Problem: Across all the records, filter for lines with the word "IFCPOLYGONALFACESET" and copy them.
#####
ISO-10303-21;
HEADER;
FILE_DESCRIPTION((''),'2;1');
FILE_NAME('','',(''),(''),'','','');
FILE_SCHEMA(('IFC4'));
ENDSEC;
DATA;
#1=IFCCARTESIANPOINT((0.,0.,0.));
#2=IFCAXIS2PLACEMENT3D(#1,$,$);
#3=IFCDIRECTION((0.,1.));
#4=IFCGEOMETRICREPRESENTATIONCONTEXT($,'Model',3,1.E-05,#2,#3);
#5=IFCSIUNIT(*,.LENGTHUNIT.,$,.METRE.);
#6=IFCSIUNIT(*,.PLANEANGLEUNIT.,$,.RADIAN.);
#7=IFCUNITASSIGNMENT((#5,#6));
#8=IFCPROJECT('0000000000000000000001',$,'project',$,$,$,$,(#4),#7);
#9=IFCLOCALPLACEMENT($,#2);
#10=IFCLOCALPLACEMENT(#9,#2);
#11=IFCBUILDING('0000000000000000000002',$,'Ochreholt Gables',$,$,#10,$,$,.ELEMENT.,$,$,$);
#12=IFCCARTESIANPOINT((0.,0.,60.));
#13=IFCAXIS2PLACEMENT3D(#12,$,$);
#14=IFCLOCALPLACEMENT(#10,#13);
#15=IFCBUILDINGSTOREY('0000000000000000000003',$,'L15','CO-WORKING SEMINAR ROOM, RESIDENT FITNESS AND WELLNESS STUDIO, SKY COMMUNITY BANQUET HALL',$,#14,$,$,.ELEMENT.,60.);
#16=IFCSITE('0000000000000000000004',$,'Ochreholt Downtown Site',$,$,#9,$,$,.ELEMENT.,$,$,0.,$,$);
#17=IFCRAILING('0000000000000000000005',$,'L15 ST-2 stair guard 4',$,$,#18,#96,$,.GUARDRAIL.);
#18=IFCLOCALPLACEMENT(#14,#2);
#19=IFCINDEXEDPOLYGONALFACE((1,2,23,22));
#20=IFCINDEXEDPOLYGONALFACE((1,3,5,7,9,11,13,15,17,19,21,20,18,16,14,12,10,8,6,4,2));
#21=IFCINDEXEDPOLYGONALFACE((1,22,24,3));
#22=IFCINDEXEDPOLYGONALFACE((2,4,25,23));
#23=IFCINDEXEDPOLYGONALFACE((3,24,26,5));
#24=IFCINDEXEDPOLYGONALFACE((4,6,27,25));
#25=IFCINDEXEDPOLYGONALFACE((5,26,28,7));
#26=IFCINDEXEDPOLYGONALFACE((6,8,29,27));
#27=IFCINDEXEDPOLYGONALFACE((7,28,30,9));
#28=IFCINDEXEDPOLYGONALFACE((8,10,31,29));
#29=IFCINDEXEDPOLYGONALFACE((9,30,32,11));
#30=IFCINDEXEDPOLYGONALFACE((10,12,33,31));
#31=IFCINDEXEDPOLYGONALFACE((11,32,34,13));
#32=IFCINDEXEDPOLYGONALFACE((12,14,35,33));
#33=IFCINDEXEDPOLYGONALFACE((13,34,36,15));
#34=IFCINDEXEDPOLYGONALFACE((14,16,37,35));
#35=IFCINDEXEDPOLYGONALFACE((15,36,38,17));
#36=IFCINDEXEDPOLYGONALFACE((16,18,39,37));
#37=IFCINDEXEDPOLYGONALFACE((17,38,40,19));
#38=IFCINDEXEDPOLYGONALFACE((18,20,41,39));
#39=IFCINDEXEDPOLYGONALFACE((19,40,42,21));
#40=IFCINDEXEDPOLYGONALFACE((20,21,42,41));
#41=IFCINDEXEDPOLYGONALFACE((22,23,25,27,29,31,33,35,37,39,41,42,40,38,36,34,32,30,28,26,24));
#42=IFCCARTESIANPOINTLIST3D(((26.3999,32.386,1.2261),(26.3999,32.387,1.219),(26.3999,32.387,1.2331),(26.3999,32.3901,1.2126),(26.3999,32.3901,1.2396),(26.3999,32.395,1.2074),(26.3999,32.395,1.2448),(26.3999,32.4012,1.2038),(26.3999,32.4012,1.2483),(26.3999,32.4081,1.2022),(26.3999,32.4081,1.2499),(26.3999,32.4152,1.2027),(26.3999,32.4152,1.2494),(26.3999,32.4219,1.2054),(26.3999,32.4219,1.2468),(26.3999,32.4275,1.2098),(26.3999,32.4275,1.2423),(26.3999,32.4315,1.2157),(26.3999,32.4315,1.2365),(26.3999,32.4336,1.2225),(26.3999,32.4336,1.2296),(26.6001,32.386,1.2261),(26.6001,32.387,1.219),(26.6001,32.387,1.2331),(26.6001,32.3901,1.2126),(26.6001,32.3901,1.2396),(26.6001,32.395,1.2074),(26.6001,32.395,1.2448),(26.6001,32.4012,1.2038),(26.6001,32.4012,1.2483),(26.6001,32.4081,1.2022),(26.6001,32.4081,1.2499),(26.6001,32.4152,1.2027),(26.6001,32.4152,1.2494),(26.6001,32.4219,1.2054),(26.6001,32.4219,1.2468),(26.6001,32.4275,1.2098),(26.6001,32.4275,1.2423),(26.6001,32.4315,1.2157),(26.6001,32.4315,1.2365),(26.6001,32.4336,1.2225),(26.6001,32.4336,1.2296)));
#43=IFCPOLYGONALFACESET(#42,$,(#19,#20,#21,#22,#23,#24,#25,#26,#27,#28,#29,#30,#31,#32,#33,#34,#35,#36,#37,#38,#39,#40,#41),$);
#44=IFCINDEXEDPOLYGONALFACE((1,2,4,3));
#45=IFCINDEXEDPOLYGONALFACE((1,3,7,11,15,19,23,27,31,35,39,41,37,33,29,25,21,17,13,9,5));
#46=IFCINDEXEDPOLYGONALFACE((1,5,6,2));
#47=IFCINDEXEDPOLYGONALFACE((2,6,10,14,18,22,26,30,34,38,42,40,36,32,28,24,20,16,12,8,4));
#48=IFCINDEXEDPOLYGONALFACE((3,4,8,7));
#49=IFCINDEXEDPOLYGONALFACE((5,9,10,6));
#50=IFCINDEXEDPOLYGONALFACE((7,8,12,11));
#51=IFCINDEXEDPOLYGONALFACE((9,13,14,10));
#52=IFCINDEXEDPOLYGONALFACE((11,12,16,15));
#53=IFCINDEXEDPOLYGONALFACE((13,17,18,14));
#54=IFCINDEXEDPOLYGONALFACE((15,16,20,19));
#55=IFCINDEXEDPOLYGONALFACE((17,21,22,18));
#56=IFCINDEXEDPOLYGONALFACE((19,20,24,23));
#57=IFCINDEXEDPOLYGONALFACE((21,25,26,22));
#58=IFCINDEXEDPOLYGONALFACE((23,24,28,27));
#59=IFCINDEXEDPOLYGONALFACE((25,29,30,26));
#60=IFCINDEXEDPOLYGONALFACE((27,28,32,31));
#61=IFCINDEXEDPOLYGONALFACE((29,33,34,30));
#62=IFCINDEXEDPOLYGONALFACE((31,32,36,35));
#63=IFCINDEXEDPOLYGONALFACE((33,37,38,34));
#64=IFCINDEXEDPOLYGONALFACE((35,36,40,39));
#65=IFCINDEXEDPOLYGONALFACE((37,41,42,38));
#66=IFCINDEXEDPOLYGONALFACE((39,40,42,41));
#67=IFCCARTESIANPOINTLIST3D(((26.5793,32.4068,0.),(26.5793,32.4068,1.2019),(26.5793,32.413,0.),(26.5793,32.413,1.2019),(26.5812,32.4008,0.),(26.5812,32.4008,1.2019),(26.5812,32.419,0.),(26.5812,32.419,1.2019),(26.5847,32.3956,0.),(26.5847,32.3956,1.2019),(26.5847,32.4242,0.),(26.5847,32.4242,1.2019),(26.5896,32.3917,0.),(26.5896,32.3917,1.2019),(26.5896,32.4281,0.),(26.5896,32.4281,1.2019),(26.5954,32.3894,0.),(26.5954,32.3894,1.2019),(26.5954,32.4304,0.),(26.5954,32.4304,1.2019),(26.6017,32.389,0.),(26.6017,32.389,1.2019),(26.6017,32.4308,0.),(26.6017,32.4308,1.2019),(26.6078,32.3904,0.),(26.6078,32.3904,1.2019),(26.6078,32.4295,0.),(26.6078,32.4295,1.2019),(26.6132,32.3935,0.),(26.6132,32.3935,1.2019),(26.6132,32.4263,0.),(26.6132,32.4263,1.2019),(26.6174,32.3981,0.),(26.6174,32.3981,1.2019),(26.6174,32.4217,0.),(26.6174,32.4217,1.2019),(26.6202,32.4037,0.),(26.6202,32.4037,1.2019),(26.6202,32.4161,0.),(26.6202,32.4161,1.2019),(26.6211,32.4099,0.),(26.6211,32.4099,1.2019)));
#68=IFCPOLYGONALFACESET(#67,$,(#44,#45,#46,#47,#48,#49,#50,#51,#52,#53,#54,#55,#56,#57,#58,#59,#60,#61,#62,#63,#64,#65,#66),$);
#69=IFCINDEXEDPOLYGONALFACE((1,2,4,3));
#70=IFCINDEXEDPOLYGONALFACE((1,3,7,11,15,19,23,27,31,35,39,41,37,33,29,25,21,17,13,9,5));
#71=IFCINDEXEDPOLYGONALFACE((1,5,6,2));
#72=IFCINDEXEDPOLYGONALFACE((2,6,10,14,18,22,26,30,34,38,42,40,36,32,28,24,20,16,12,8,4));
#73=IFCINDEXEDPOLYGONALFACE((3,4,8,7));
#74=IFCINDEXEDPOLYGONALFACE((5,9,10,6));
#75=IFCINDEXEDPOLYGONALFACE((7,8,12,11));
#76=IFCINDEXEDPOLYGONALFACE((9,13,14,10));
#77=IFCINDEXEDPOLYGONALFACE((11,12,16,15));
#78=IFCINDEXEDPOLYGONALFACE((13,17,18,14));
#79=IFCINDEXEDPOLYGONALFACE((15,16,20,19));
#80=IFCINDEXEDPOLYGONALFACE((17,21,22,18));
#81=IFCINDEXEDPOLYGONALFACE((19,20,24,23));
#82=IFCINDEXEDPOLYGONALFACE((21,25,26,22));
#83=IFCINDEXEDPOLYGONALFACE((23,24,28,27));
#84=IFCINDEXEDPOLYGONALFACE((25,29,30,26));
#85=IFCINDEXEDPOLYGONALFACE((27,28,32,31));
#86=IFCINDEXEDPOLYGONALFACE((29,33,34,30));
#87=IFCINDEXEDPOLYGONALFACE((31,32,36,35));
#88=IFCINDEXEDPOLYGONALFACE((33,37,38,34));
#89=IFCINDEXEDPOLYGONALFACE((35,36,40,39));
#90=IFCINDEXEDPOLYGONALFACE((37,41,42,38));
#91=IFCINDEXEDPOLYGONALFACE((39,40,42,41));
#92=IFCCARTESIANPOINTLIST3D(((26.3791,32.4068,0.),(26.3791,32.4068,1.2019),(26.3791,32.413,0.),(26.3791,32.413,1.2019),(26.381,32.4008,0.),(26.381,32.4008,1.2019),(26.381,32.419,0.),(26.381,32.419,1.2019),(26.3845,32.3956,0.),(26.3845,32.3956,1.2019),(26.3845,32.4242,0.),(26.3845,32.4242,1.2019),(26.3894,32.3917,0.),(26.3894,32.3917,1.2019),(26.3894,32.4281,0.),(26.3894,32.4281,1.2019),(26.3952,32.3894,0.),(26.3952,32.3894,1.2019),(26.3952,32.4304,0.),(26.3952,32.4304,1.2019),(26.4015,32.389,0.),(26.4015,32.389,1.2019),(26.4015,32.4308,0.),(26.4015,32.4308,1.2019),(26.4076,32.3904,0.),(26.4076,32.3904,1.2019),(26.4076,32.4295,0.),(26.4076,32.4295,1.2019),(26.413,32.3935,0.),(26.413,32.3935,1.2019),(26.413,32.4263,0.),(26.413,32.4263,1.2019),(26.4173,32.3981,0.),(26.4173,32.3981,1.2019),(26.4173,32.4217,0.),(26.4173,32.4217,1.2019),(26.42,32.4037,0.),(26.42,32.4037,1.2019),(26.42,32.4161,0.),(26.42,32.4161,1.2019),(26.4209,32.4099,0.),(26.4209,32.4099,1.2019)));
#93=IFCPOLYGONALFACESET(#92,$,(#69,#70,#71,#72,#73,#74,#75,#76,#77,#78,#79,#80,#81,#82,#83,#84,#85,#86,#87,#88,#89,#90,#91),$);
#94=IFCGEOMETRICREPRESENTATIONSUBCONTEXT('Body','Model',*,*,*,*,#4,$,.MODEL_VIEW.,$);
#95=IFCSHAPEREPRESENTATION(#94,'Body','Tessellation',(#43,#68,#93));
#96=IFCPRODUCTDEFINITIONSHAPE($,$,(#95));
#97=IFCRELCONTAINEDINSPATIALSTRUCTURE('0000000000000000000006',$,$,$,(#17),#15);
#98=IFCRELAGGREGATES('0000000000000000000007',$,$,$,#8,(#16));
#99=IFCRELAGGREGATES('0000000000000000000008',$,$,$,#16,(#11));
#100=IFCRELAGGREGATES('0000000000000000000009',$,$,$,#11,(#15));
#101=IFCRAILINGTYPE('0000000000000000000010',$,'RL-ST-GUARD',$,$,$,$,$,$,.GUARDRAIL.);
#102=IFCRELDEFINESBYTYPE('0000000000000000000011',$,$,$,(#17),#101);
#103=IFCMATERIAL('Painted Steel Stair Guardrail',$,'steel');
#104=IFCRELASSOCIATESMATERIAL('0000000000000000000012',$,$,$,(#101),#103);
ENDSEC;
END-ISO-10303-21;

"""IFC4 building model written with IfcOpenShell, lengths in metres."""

from ifc_helpers import new_model, si_unit, direction, frame, origin, origin_2d, place, context, subcontext, project, spatial, circle, extrude, material, type_object, element, save


model = new_model("IFC4")

# Units and contexts
model_context = context("Model", 3, precision=1e-05, world=origin(), true_north=direction((0.0, 1.0)))
body_context = subcontext(model_context, "Body", "Model", "MODEL_VIEW")
ifc_project = project(units=[si_unit("LENGTHUNIT", "METRE"), si_unit("PLANEANGLEUNIT", "RADIAN")], contexts=[model_context])

# Site, building, storey
site_placement = place(None, origin())
site = spatial("IfcSite", under=ifc_project, at=site_placement, Name="Ochreholt Downtown Site", CompositionType="ELEMENT", RefElevation=0.0)
building_placement = place(site_placement, origin())
building = spatial("IfcBuilding", under=site, at=building_placement, Name="Ochreholt Gables", CompositionType="ELEMENT")
storey_placement = place(building_placement, frame((0.0, 0.0, 60.0)))
storey = spatial("IfcBuildingStorey", under=building, at=storey_placement, Name="L15", Description="CO-WORKING SEMINAR ROOM, RESIDENT FITNESS AND WELLNESS STUDIO, SKY COMMUNITY BANQUET HALL", CompositionType="ELEMENT", Elevation=60.0)

# Railing
ifc_material_1 = material(Name="Painted Steel Stair Guardrail", Category="steel")
railing_type_1 = type_object("IfcRailingType", Name="RL-ST-GUARD", PredefinedType="GUARDRAIL", material=ifc_material_1)
railing_1_placement = place(storey_placement, frame((26.6001, 32.4099, 0.0)))
element("IfcRailing", 1, at=railing_1_placement, inside=storey, type_object=railing_type_1, Name="L15 ST-2 stair guard 4", PredefinedType="GUARDRAIL", context=body_context, shape_type="SweptSolid", body=[
    extrude(circle(Radius=0.0239, at=origin_2d()), frame((0.0, 0.0, 1.2261), z_axis=(-1.0, 0.0, 0.0), x_axis=(0.0, -1.0, 0.0)), (0.0, 0.0, 1.0), 0.2002),
    extrude(circle(Radius=0.021, at=origin_2d()), origin(), (0.0, 0.0, 1.0), 1.2019),
    extrude(circle(Radius=0.021, at=origin_2d()), frame((-0.2002, 0.0, 0.0)), (0.0, 0.0, 1.0), 1.2019),
])

save(model, "model.ifc")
#####
Task answer:
#43=IFCPOLYGONALFACESET(#42,$,(#19,#20,#21,#22,#23,#24,#25,#26,#27,#28,#29,#30,#31,#32,#33,#34,#35,#36,#37,#38,#39,#40,#41),$);
#68=IFCPOLYGONALFACESET(#67,$,(#44,#45,#46,#47,#48,#49,#50,#51,#52,#53,#54,#55,#56,#57,#58,#59,#60,#61,#62,#63,#64,#65,#66),$);
#93=IFCPOLYGONALFACESET(#92,$,(#69,#70,#71,#72,#73,#74,#75,#76,#77,#78,#79,#80,#81,#82,#83,#84,#85,#86,#87,#88,#89,#90,#91),$);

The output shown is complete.